PROVIDED INFORMATION:
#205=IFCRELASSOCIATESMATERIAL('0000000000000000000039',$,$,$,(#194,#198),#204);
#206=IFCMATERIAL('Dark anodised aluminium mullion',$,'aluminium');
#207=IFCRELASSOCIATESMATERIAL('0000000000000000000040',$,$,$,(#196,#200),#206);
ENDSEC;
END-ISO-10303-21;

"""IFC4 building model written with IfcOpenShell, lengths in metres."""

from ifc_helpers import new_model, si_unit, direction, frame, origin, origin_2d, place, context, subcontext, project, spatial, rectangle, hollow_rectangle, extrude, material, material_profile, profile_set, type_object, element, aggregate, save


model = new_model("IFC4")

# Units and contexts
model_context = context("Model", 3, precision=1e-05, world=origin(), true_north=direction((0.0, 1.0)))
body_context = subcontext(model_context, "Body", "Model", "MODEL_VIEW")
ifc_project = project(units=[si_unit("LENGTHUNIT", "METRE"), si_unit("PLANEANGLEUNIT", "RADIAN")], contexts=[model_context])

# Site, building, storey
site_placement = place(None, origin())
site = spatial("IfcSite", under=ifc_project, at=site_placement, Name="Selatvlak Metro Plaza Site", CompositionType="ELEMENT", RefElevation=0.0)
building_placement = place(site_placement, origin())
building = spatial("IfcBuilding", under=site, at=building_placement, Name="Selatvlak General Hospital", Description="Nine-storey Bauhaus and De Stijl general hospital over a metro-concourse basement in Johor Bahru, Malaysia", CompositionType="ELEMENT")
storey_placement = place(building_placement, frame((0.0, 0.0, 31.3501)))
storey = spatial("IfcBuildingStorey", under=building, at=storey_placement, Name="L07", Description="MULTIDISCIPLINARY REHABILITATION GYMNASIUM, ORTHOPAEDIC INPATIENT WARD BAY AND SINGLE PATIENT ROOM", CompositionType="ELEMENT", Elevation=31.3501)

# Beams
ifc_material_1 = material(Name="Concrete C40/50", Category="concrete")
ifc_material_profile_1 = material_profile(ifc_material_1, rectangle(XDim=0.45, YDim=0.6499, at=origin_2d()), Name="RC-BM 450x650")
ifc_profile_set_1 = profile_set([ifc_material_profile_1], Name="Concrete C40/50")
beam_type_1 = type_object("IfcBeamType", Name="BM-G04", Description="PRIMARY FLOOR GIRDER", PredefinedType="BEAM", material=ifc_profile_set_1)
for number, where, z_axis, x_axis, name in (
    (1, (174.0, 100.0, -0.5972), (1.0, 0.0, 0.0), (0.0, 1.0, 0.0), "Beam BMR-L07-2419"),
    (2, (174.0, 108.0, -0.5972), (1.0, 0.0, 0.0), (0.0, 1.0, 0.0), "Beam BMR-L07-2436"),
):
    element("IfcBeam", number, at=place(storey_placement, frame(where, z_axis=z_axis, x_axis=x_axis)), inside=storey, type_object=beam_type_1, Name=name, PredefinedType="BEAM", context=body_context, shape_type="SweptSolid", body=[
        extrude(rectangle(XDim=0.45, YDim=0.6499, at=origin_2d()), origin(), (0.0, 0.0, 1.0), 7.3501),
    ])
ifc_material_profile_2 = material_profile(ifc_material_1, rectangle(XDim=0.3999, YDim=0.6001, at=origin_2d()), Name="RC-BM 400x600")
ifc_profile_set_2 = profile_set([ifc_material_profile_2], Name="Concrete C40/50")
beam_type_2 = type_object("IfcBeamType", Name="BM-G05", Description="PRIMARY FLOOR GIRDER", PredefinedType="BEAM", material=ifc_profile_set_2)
--
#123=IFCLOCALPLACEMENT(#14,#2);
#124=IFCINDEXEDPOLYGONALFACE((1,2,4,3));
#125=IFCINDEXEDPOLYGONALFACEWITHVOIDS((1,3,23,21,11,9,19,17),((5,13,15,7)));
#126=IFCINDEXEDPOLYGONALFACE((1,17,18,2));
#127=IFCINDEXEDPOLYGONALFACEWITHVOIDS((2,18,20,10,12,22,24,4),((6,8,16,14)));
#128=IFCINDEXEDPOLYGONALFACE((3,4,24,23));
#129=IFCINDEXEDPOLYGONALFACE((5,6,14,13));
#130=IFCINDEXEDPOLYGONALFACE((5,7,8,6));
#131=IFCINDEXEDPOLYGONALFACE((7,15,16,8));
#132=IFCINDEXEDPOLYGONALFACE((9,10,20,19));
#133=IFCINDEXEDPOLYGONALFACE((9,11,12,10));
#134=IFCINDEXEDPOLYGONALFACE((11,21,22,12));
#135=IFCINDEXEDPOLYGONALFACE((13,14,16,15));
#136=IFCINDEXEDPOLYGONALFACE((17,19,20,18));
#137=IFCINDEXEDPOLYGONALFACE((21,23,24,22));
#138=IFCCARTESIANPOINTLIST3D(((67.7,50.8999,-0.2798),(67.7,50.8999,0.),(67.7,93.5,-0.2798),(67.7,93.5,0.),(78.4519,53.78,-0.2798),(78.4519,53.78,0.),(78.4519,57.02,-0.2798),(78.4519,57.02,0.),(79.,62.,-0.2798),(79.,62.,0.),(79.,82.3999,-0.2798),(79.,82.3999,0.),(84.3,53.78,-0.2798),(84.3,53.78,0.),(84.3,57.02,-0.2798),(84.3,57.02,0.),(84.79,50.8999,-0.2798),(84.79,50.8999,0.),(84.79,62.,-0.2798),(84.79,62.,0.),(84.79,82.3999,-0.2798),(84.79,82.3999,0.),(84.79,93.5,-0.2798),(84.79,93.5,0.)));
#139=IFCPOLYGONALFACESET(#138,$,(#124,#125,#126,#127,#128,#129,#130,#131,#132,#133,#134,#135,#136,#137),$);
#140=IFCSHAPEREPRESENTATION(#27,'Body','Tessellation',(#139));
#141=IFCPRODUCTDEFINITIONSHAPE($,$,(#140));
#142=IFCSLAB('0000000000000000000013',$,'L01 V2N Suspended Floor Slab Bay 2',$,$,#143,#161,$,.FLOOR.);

EXERCISE: Across the data, find each line that has "Concrete" in it and copy that line.

TASK RESPONSE:
ifc_material_1 = material(Name="Concrete C40/50", Category="concrete")
ifc_profile_set_1 = profile_set([ifc_material_profile_1], Name="Concrete C40/50")
ifc_profile_set_2 = profile_set([ifc_material_profile_2], Name="Concrete C40/50")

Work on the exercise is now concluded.